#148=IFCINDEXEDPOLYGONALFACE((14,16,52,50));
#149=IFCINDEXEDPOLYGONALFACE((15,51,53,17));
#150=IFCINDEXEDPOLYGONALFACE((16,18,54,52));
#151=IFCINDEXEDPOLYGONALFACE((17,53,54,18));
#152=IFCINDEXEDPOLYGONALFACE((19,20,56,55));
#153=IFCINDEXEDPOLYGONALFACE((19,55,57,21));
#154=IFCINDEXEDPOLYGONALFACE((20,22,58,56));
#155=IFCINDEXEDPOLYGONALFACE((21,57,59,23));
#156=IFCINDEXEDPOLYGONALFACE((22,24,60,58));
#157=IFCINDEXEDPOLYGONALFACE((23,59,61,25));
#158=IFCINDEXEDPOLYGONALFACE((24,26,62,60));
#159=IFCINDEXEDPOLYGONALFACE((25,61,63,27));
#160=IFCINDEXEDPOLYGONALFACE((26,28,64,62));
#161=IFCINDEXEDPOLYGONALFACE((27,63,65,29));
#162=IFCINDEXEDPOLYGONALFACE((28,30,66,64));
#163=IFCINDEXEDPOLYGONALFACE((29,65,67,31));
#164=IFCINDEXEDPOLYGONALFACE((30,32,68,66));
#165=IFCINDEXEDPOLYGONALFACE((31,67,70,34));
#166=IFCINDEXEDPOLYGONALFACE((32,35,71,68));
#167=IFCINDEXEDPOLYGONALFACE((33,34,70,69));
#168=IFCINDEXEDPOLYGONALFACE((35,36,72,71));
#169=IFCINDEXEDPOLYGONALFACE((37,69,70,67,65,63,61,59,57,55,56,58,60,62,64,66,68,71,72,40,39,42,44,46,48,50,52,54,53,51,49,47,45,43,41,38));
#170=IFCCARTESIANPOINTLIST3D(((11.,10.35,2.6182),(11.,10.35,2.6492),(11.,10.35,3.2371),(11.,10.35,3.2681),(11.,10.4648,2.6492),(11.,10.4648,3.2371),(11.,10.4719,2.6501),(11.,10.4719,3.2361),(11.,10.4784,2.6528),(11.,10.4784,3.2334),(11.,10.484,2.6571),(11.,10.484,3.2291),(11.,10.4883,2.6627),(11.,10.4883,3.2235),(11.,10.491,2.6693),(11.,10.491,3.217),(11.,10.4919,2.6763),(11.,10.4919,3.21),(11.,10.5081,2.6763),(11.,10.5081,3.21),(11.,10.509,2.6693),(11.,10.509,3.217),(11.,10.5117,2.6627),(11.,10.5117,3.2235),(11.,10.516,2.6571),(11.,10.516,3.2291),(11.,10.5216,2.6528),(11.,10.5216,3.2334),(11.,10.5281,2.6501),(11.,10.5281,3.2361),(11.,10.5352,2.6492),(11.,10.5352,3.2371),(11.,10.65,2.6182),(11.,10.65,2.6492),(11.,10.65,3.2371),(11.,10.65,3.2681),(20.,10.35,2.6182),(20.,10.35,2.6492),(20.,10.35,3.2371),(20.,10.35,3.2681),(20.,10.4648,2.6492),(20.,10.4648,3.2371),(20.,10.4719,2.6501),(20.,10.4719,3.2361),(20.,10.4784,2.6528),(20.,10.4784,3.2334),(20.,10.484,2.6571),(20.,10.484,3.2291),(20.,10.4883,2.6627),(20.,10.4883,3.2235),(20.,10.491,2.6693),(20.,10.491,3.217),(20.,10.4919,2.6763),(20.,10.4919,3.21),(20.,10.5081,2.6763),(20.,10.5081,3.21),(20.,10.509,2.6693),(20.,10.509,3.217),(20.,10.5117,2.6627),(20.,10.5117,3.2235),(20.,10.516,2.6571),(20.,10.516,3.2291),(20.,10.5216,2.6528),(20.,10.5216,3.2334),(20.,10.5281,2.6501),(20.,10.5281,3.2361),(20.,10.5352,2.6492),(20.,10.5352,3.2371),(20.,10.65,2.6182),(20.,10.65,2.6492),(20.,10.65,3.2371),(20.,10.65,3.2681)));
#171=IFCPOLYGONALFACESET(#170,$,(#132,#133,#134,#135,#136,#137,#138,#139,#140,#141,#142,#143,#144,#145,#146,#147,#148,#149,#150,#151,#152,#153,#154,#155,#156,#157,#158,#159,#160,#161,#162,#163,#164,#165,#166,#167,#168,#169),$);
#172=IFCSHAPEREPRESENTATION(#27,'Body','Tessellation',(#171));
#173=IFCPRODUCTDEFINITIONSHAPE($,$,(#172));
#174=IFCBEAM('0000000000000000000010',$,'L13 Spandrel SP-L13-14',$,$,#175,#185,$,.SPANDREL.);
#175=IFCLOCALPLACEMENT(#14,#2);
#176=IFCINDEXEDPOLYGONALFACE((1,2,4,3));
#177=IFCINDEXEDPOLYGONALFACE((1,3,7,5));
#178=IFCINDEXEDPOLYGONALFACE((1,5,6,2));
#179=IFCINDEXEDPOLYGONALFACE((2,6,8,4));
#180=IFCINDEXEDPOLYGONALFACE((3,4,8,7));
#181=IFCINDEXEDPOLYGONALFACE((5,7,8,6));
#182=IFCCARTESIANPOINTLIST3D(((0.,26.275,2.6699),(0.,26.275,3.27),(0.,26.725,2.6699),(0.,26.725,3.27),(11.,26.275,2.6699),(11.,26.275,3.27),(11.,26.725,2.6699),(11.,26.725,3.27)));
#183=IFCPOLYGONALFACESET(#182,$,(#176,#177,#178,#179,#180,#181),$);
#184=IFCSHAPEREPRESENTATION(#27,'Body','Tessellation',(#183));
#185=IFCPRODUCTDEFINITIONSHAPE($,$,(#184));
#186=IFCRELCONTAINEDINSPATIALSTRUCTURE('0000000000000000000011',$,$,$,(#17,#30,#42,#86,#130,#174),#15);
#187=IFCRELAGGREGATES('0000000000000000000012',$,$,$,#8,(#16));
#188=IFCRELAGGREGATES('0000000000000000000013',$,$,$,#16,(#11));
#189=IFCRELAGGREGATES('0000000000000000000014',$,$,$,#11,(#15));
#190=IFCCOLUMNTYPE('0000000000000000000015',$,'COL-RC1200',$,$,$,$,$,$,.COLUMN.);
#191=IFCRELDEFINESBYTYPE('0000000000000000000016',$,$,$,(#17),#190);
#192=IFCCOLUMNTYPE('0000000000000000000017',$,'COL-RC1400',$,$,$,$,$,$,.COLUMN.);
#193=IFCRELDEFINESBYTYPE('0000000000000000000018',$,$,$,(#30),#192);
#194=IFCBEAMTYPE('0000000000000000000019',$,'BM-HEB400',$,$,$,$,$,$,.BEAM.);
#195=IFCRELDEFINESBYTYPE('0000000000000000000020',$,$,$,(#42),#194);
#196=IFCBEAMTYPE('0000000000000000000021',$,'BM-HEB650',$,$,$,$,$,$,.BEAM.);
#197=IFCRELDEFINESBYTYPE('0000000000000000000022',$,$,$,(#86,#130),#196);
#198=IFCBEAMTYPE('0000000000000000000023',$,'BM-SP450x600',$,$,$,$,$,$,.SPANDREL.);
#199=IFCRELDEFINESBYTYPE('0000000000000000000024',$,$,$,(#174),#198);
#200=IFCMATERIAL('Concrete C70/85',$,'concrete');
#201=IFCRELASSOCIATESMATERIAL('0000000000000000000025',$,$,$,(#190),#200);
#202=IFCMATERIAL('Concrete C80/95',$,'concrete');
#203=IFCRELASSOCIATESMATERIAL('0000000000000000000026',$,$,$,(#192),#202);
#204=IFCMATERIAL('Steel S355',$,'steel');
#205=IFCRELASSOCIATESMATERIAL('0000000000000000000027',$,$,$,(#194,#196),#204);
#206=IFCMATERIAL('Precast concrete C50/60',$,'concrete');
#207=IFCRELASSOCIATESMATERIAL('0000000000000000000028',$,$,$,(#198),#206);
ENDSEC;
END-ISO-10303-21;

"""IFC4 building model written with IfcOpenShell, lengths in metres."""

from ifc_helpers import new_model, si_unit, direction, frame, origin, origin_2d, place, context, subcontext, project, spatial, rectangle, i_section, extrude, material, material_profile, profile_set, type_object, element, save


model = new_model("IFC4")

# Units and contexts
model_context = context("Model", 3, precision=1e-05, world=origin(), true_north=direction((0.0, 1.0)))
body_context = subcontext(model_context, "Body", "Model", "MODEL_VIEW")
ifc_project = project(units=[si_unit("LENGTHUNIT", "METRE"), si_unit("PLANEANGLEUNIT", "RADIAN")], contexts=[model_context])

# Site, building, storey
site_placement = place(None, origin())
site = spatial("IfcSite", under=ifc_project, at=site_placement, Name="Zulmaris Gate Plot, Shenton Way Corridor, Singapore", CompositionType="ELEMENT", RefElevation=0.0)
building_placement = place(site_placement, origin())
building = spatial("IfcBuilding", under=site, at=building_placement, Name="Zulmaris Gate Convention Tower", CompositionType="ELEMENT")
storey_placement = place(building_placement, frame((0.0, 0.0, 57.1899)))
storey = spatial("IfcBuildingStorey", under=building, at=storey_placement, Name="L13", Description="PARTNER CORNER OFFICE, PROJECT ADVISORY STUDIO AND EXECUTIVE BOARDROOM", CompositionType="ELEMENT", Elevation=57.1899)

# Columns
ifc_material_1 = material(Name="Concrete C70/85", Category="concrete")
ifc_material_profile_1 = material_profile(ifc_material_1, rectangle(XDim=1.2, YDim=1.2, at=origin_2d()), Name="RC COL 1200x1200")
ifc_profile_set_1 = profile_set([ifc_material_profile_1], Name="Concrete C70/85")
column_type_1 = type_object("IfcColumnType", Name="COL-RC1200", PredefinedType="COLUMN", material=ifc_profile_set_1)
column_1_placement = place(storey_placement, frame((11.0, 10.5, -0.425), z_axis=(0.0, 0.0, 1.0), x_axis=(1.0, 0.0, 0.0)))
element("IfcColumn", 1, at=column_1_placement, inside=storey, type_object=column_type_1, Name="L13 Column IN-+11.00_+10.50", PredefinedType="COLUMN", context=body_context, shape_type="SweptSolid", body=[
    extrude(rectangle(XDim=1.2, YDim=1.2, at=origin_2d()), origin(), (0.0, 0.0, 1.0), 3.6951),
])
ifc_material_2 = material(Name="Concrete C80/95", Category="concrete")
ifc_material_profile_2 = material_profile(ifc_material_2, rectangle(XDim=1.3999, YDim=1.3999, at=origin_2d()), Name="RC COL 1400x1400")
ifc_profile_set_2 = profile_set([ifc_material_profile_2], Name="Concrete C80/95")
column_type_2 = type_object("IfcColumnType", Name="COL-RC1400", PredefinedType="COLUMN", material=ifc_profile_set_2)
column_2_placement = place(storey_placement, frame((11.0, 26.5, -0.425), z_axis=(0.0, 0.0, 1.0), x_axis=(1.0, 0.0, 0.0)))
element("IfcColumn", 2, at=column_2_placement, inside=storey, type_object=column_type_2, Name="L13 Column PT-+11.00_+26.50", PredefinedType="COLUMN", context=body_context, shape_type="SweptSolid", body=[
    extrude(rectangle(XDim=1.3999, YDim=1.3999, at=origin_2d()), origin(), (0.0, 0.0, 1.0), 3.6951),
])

*Task directions:*
Show me all lines in the records that contain "inside".

*Solution for this task:*
element("IfcColumn", 1, at=column_1_placement, inside=storey, type_object=column_type_1, Name="L13 Column IN-+11.00_+10.50", PredefinedType="COLUMN", context=body_context, shape_type="SweptSolid", body=[
element("IfcColumn", 2, at=column_2_placement, inside=storey, type_object=column_type_2, Name="L13 Column PT-+11.00_+26.50", PredefinedType="COLUMN", context=body_context, shape_type="SweptSolid", body=[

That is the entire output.